Exercise goal —
Your job is to set down the stretch of entries that opens with the line containing "#7=IFCUNITASSIGNMENT((#5,#6));" and closes with the line containing "#28=IFCINDEXEDPOLYGONALFACE((9,11,12,14,13,15,16,10));". Keep both end lines, copy each exactly, and add nothing.

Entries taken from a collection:
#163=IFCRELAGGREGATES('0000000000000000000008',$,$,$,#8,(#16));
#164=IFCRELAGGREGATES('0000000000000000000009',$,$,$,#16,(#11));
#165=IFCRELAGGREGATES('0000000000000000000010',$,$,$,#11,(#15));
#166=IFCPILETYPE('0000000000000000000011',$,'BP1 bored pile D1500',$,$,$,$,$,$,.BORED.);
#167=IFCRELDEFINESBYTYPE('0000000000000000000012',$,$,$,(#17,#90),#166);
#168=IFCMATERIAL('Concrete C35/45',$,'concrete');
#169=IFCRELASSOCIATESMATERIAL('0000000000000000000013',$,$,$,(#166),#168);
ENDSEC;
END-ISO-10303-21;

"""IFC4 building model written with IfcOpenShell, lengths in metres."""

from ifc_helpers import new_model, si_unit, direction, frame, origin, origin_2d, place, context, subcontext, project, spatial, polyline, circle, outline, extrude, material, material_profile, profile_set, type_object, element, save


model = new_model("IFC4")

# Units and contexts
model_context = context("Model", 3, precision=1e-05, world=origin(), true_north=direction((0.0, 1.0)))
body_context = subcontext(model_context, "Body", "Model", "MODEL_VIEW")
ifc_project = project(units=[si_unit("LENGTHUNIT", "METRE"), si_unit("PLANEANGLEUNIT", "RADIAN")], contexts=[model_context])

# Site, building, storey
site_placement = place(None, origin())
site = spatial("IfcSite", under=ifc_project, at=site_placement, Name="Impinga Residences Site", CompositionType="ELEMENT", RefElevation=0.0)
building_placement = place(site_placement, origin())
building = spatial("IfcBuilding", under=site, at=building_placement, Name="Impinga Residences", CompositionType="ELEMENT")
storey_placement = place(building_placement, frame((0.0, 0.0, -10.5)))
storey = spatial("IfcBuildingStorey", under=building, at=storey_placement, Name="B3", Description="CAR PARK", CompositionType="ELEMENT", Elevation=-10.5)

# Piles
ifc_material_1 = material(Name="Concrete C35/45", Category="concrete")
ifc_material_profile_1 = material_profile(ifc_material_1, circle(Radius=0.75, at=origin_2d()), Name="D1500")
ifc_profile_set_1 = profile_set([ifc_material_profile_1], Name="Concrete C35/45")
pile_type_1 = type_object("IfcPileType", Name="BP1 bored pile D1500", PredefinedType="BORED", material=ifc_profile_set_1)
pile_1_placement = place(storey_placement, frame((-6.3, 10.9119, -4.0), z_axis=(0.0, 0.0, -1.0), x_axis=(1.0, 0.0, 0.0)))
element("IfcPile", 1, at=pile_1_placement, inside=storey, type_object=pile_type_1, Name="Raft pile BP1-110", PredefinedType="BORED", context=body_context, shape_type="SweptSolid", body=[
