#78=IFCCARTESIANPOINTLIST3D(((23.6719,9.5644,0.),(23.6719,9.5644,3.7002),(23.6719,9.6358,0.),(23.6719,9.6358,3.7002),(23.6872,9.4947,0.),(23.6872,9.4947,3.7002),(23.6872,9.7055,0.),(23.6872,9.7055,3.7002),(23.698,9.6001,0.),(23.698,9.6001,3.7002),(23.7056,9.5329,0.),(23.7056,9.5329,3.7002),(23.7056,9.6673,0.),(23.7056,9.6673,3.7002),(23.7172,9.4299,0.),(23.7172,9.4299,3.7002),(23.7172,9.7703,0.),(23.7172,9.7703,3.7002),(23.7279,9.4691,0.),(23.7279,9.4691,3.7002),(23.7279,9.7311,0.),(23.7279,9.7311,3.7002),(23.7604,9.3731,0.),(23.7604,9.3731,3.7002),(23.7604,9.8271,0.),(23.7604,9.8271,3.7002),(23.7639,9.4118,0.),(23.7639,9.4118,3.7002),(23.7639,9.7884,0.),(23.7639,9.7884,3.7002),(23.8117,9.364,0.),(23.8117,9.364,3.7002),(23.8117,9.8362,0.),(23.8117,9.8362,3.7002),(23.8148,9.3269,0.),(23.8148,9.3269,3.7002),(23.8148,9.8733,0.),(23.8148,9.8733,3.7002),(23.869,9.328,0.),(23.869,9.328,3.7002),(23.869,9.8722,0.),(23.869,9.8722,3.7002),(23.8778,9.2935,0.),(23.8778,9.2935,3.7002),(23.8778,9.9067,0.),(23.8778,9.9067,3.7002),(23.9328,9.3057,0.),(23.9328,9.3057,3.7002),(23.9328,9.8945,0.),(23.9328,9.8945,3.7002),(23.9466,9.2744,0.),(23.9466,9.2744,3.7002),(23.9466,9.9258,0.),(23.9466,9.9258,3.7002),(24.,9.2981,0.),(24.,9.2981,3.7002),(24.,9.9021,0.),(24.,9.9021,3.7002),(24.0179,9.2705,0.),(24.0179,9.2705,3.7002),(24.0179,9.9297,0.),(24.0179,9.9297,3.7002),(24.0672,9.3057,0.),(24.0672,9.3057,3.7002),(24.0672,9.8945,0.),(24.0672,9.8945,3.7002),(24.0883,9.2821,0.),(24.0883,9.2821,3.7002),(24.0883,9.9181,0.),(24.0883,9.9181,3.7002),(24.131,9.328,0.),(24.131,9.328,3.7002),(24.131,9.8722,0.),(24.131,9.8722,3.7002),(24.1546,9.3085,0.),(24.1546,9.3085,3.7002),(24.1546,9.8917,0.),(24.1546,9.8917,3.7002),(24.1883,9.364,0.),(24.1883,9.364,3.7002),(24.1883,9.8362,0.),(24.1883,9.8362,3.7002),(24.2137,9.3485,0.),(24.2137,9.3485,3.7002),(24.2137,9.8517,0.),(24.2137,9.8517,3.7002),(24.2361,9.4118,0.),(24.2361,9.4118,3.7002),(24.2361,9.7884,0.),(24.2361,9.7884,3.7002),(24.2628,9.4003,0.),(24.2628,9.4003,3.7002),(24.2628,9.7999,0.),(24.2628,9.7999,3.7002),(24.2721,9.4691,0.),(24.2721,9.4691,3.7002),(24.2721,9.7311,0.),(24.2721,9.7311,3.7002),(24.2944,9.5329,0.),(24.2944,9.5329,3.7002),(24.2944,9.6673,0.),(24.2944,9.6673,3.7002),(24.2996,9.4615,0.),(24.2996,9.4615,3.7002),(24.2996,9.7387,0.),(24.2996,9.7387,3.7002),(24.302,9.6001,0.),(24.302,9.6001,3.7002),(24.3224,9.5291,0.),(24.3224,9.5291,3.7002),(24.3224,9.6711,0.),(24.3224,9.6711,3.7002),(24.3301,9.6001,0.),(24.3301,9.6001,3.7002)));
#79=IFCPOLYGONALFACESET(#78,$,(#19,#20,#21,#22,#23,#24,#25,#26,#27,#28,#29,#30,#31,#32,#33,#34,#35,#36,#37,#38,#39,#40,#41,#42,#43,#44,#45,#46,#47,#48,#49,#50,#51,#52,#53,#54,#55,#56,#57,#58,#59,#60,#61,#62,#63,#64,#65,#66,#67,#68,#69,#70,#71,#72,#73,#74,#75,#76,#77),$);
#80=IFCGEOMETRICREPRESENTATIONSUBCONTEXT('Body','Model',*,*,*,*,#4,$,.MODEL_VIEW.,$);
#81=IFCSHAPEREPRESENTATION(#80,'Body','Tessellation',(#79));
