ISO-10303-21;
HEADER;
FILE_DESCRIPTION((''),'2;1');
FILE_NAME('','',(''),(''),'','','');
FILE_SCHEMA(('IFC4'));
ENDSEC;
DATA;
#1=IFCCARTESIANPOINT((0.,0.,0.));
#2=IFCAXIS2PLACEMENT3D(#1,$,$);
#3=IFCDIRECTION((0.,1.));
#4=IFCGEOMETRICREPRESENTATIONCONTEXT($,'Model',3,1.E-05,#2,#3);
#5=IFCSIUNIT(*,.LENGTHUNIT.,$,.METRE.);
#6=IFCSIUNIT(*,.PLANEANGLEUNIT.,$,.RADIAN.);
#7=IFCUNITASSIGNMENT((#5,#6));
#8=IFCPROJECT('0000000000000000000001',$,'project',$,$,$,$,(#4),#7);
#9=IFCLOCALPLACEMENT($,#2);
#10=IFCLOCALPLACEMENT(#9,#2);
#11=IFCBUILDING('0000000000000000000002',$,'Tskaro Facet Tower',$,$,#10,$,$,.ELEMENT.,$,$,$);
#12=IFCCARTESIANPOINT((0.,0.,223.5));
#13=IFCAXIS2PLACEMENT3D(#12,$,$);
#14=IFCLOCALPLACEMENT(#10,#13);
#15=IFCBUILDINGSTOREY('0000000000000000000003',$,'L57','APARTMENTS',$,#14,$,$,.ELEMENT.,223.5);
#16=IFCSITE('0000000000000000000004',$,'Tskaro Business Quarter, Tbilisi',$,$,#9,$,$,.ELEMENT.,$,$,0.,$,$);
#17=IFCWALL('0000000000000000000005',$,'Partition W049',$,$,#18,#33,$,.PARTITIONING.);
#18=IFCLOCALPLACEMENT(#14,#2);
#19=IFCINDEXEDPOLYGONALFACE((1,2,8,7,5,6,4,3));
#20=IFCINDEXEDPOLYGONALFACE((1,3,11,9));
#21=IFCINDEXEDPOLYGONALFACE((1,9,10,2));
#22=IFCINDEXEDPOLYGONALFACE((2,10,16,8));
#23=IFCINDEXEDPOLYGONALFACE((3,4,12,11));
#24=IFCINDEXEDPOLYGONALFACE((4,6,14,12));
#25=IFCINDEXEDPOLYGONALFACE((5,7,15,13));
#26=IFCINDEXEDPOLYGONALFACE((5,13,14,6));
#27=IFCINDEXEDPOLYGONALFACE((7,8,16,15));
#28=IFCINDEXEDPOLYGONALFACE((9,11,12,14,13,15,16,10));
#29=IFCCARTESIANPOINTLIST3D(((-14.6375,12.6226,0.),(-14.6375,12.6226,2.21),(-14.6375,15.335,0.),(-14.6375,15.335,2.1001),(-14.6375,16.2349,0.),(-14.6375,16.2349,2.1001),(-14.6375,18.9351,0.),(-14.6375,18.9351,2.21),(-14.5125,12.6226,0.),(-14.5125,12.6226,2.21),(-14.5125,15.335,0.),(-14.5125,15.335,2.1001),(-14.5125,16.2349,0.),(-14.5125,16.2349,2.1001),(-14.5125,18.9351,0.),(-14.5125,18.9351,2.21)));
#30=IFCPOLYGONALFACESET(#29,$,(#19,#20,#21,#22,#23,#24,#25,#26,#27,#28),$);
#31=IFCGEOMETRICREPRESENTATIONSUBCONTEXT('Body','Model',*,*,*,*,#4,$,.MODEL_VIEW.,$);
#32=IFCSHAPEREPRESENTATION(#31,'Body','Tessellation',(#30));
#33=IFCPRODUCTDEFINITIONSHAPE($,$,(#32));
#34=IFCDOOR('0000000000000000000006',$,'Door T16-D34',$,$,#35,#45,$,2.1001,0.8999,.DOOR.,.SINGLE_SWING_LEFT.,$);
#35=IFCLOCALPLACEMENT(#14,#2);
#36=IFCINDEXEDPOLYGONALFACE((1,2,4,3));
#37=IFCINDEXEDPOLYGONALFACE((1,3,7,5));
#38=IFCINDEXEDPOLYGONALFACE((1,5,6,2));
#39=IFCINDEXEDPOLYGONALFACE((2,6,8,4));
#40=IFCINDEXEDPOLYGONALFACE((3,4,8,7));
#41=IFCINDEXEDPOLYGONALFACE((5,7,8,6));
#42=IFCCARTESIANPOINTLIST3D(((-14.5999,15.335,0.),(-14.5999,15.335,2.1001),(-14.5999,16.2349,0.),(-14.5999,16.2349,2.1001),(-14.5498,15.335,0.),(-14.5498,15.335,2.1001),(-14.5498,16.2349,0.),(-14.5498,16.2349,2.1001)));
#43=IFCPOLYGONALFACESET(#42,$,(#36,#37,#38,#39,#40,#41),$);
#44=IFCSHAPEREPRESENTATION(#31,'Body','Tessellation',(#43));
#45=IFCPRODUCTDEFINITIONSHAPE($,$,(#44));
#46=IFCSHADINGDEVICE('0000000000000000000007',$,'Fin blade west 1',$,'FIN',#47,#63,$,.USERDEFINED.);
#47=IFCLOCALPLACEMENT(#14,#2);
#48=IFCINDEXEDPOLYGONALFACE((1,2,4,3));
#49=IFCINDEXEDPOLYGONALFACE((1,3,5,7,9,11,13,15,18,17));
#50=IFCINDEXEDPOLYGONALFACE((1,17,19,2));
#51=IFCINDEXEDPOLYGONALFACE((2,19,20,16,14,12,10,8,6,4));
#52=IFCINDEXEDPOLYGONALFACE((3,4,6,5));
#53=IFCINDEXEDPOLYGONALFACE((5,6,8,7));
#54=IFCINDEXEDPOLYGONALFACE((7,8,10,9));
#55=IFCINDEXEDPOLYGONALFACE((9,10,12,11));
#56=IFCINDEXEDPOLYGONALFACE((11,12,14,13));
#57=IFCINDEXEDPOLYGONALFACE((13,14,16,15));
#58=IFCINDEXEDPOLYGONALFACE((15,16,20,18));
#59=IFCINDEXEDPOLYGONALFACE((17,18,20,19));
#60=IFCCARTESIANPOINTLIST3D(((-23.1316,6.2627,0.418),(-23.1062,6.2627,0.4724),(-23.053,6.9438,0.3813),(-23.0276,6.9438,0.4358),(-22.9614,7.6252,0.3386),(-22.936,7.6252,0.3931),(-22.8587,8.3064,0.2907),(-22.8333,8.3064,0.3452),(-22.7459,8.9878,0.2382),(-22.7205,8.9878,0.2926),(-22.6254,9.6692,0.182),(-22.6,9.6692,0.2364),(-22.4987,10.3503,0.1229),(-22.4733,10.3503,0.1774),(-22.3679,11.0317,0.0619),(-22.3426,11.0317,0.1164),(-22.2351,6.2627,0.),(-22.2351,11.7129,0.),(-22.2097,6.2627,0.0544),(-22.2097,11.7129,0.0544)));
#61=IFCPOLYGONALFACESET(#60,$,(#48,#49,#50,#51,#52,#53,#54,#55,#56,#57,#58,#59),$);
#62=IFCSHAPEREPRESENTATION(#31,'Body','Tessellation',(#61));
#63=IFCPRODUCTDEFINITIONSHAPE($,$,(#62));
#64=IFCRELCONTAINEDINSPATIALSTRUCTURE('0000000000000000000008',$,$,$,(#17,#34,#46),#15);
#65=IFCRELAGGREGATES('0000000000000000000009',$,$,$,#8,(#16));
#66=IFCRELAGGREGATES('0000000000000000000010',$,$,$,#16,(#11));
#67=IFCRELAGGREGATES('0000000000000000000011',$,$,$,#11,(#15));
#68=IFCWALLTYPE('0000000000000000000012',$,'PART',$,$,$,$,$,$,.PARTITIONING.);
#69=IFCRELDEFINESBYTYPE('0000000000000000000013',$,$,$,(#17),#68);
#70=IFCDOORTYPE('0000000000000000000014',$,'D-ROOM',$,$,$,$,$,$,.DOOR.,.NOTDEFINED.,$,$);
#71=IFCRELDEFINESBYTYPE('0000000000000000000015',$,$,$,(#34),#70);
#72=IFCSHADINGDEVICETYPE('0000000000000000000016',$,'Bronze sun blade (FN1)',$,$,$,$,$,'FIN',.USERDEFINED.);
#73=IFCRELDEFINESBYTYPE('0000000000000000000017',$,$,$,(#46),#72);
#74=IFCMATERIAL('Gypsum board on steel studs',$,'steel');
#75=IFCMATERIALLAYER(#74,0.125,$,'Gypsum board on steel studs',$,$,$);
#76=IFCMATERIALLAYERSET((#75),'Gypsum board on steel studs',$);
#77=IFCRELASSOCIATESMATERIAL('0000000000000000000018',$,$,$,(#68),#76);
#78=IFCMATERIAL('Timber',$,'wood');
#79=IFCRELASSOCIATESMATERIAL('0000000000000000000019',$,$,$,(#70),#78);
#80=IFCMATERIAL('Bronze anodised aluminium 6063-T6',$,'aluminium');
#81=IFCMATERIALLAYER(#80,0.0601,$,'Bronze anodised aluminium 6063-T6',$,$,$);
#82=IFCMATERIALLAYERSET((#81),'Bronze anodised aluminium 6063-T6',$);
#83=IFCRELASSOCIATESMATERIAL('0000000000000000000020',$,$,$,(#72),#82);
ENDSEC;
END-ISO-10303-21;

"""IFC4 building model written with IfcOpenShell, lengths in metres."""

from ifc_helpers import new_model, si_unit, direction, frame, frame_2d, origin, place, context, subcontext, project, spatial, polyline, rectangle, outline, extrude, material, layer, layer_set, type_object, element, fill, save


model = new_model("IFC4")

# Units and contexts
model_context = context("Model", 3, precision=1e-05, world=origin(), true_north=direction((0.0, 1.0)))
body_context = subcontext(model_context, "Body", "Model", "MODEL_VIEW")
ifc_project = project(units=[si_unit("LENGTHUNIT", "METRE"), si_unit("PLANEANGLEUNIT", "RADIAN")], contexts=[model_context])

# Site, building, storey
site_placement = place(None, origin())
site = spatial("IfcSite", under=ifc_project, at=site_placement, Name="Tskaro Business Quarter, Tbilisi", CompositionType="ELEMENT", RefElevation=0.0)
building_placement = place(site_placement, origin())
building = spatial("IfcBuilding", under=site, at=building_placement, Name="Tskaro Facet Tower", CompositionType="ELEMENT")
storey_placement = place(building_placement, frame((0.0, 0.0, 223.5)))
storey = spatial("IfcBuildingStorey", under=building, at=storey_placement, Name="L57", Description="APARTMENTS", CompositionType="ELEMENT", Elevation=223.5)

# Shared definitions
ifc_material_1 = material(Name="Bronze anodised aluminium 6063-T6", Category="aluminium")

# Shared definitions
ifc_material_2 = material(Name="Gypsum board on steel studs", Category="steel")
ifc_layer_1 = layer(ifc_material_2, 0.125, Name="Gypsum board on steel studs")
ifc_layer_set_1 = layer_set([ifc_layer_1], Name="Gypsum board on steel studs")
wall_type = type_object("IfcWallType", Name="PART", PredefinedType="PARTITIONING", material=ifc_layer_set_1)
ifc_material_3 = material(Name="Timber", Category="wood")
door_type = type_object("IfcDoorType", Name="D-ROOM", OperationType="NOTDEFINED", PredefinedType="DOOR", material=ifc_material_3)

# Wall, opening, door
wall_1_placement = place(storey_placement, frame((-14.575, 12.6226, 0.0), z_axis=(0.0, 0.0, 1.0), x_axis=(0.0, 1.0, 0.0)))
wall_1 = element("IfcWall", 1, at=wall_1_placement, inside=storey, type_object=wall_type, Name="Partition W049", PredefinedType="PARTITIONING", context=body_context, shape_type="SweptSolid", body=[
    extrude(rectangle(XDim=6.3125, YDim=0.125, at=frame_2d((3.1562, 0.0))), origin(), (0.0, 0.0, 1.0), 2.21),
])
opening_1_placement = place(wall_1_placement, frame((2.7124, 0.0, 0.0)))
opening_1 = element("IfcOpeningElement", 2, at=opening_1_placement, cuts=wall_1, PredefinedType="OPENING", context=body_context, shape_type="SweptSolid", body=[
    extrude(rectangle(XDim=0.8999, YDim=2.1001, at=frame_2d((0.45, 1.05))), frame((0.0, 0.0725, 0.0), z_axis=(0.0, -1.0, 0.0), x_axis=(1.0, 0.0, 0.0)), (0.0, 0.0, 1.0), 0.145),
])
door_1_placement = place(opening_1_placement, origin())
door_1 = element("IfcDoor", 3, at=door_1_placement, inside=storey, type_object=door_type, Name="Door T16-D34", OperationType="SINGLE_SWING_LEFT", OverallHeight=2.1001, OverallWidth=0.8999, PredefinedType="DOOR", context=body_context, shape_type="SweptSolid", body=[
    extrude(rectangle(XDim=0.8999, YDim=2.1001, at=frame_2d((0.45, 1.05))), frame((0.0, 0.0249, 0.0), z_axis=(0.0, -1.0, 0.0), x_axis=(1.0, 0.0, 0.0)), (0.0, 0.0, 1.0), 0.05),
])
fill(opening_1, door_1)

# Shading device
ifc_layer_2 = layer(ifc_material_1, 0.0601, Name="Bronze anodised aluminium 6063-T6")
ifc_layer_set_2 = layer_set([ifc_layer_2], Name="Bronze anodised aluminium 6063-T6")
shading_device_type = type_object("IfcShadingDeviceType", Name="Bronze sun blade (FN1)", ElementType="FIN", PredefinedType="USERDEFINED", material=ifc_layer_set_2)
shading_device_placement = place(storey_placement, frame((-22.2097, 11.7129, 0.0544), z_axis=(0.422576, -0.000002, 0.906328), x_axis=(-0.000001, -1.0, -0.000002)))
element("IfcShadingDevice", 4, at=shading_device_placement, inside=storey, type_object=shading_device_type, Name="Fin blade west 1", ObjectType="FIN", PredefinedType="USERDEFINED", context=body_context, shape_type="SweptSolid", body=[
    extrude(outline(polyline([(0.0, 0.0), (5.4502, 0.0), (5.4502, -0.9891), (4.769, -0.9024), (4.0876, -0.8014), (3.4065, -0.688), (2.7251, -0.5636), (2.0437, -0.4307), (1.3625, -0.2909), (0.6812, -0.1466), (0.0, 0.0)])), origin(), (0.0, 0.0, -1.0), 0.0601),
])

save(model, "model.ifc")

Exercise solution —
#7=IFCUNITASSIGNMENT((#5,#6));
#8=IFCPROJECT('0000000000000000000001',$,'project',$,$,$,$,(#4),#7);
#9=IFCLOCALPLACEMENT($,#2);
#10=IFCLOCALPLACEMENT(#9,#2);
#11=IFCBUILDING('0000000000000000000002',$,'Tskaro Facet Tower',$,$,#10,$,$,.ELEMENT.,$,$,$);
#12=IFCCARTESIANPOINT((0.,0.,223.5));
#13=IFCAXIS2PLACEMENT3D(#12,$,$);
#14=IFCLOCALPLACEMENT(#10,#13);
#15=IFCBUILDINGSTOREY('0000000000000000000003',$,'L57','APARTMENTS',$,#14,$,$,.ELEMENT.,223.5);
#16=IFCSITE('0000000000000000000004',$,'Tskaro Business Quarter, Tbilisi',$,$,#9,$,$,.ELEMENT.,$,$,0.,$,$);
#17=IFCWALL('0000000000000000000005',$,'Partition W049',$,$,#18,#33,$,.PARTITIONING.);
#18=IFCLOCALPLACEMENT(#14,#2);
#19=IFCINDEXEDPOLYGONALFACE((1,2,8,7,5,6,4,3));
#20=IFCINDEXEDPOLYGONALFACE((1,3,11,9));
#21=IFCINDEXEDPOLYGONALFACE((1,9,10,2));
#22=IFCINDEXEDPOLYGONALFACE((2,10,16,8));
#23=IFCINDEXEDPOLYGONALFACE((3,4,12,11));
#24=IFCINDEXEDPOLYGONALFACE((4,6,14,12));
#25=IFCINDEXEDPOLYGONALFACE((5,7,15,13));
#26=IFCINDEXEDPOLYGONALFACE((5,13,14,6));
#27=IFCINDEXEDPOLYGONALFACE((7,8,16,15));
#28=IFCINDEXEDPOLYGONALFACE((9,11,12,14,13,15,16,10));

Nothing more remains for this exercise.